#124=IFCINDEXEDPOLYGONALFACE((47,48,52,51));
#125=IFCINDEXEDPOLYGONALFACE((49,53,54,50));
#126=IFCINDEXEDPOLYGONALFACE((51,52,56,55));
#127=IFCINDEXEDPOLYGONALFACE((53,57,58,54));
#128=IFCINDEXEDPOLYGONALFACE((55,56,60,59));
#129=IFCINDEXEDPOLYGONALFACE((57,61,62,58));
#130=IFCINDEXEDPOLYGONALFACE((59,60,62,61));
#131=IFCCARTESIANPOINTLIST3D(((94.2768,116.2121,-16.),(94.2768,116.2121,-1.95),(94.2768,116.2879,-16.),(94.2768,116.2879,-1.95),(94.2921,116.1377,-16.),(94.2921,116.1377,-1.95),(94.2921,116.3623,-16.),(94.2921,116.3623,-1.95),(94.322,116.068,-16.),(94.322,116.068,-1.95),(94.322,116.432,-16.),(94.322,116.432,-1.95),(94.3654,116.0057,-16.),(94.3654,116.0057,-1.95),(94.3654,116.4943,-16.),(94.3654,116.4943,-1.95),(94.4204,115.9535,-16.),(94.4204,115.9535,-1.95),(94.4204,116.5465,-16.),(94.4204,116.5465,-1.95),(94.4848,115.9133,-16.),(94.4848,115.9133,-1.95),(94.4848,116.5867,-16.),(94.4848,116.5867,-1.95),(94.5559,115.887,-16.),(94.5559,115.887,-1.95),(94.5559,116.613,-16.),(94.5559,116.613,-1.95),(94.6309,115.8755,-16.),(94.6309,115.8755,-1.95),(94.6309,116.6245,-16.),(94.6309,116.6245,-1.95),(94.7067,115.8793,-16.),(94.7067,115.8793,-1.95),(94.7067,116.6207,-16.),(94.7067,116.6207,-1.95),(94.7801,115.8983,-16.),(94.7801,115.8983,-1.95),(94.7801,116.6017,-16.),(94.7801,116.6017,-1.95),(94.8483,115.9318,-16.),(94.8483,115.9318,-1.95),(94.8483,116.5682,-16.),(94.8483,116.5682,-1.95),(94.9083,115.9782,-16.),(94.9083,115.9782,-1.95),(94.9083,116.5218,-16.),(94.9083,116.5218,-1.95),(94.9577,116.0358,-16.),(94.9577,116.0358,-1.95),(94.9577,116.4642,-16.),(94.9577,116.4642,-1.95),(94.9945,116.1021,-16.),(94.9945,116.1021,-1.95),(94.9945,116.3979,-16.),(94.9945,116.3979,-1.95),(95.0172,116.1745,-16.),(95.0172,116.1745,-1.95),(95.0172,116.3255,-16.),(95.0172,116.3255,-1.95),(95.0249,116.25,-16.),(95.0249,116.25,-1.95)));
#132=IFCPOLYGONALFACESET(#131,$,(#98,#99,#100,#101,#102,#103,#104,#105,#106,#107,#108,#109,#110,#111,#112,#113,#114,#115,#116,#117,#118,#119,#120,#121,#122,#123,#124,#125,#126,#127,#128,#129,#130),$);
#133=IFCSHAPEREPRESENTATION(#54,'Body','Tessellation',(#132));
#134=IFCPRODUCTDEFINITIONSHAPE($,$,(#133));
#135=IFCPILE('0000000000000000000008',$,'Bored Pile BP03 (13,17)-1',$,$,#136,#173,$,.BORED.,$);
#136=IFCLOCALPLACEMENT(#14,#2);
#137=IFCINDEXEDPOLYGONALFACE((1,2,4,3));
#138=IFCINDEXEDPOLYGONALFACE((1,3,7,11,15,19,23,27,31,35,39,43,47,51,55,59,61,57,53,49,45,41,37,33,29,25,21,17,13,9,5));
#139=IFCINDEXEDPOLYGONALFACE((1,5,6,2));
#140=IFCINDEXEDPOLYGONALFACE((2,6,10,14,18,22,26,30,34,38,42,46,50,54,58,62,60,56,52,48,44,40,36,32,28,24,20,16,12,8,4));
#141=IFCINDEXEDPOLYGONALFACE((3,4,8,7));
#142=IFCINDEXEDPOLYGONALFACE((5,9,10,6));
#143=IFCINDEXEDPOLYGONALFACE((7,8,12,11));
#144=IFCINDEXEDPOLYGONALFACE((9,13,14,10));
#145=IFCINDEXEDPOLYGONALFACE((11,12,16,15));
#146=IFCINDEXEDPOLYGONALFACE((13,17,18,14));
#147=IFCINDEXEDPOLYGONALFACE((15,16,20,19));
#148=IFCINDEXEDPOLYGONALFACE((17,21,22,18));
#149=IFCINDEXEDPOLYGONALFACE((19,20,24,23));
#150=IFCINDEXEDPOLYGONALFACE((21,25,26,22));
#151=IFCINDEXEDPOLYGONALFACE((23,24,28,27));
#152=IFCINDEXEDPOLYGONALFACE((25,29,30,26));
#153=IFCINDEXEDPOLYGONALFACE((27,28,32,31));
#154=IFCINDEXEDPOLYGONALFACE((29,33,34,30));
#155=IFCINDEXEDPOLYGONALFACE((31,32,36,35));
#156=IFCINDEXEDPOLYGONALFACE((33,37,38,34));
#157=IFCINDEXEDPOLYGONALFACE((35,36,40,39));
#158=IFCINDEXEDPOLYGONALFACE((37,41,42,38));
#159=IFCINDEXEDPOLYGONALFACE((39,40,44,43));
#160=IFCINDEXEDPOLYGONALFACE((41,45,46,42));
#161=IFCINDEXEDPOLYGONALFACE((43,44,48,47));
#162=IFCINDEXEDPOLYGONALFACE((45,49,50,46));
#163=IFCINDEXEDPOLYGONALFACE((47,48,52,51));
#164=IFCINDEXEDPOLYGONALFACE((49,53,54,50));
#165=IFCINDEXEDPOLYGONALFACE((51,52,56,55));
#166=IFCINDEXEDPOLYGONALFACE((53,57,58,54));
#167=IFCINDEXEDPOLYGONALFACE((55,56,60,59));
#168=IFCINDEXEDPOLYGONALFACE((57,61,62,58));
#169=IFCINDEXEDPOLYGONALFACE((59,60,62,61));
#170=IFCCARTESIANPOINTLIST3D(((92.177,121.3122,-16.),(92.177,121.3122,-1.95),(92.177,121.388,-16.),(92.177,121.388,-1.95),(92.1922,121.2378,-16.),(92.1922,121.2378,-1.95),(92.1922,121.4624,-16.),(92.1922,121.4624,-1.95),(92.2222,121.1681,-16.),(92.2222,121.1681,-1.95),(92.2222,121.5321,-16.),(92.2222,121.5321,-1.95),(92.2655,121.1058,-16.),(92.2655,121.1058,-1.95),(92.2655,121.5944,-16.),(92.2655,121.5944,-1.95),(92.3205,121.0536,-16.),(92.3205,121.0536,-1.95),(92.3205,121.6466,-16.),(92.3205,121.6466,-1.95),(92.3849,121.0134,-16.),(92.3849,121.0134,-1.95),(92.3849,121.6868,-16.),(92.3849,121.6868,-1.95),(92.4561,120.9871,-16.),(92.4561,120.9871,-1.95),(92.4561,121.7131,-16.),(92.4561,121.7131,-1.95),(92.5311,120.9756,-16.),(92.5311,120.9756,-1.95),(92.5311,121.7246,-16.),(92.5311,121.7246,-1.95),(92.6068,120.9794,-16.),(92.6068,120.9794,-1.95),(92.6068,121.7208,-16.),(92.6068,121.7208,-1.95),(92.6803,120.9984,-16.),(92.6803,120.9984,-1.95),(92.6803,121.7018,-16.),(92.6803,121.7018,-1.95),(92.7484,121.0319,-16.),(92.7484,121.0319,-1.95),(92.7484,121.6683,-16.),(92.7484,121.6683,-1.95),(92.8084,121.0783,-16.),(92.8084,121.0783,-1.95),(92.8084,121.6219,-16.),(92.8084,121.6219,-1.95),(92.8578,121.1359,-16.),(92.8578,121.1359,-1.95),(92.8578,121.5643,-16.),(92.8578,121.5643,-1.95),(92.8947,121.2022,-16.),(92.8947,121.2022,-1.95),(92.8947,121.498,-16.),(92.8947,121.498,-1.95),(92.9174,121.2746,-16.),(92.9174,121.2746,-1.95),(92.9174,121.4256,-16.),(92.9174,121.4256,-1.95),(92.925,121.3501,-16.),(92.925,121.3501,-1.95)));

------

Repeat, exactly and only, the lines from the beginning of the material through the line that contains "#130=IFCINDEXEDPOLYGONALFACE((59,60,62,61));".

Written answer
#124=IFCINDEXEDPOLYGONALFACE((47,48,52,51));
#125=IFCINDEXEDPOLYGONALFACE((49,53,54,50));
#126=IFCINDEXEDPOLYGONALFACE((51,52,56,55));
#127=IFCINDEXEDPOLYGONALFACE((53,57,58,54));
#128=IFCINDEXEDPOLYGONALFACE((55,56,60,59));
#129=IFCINDEXEDPOLYGONALFACE((57,61,62,58));
#130=IFCINDEXEDPOLYGONALFACE((59,60,62,61));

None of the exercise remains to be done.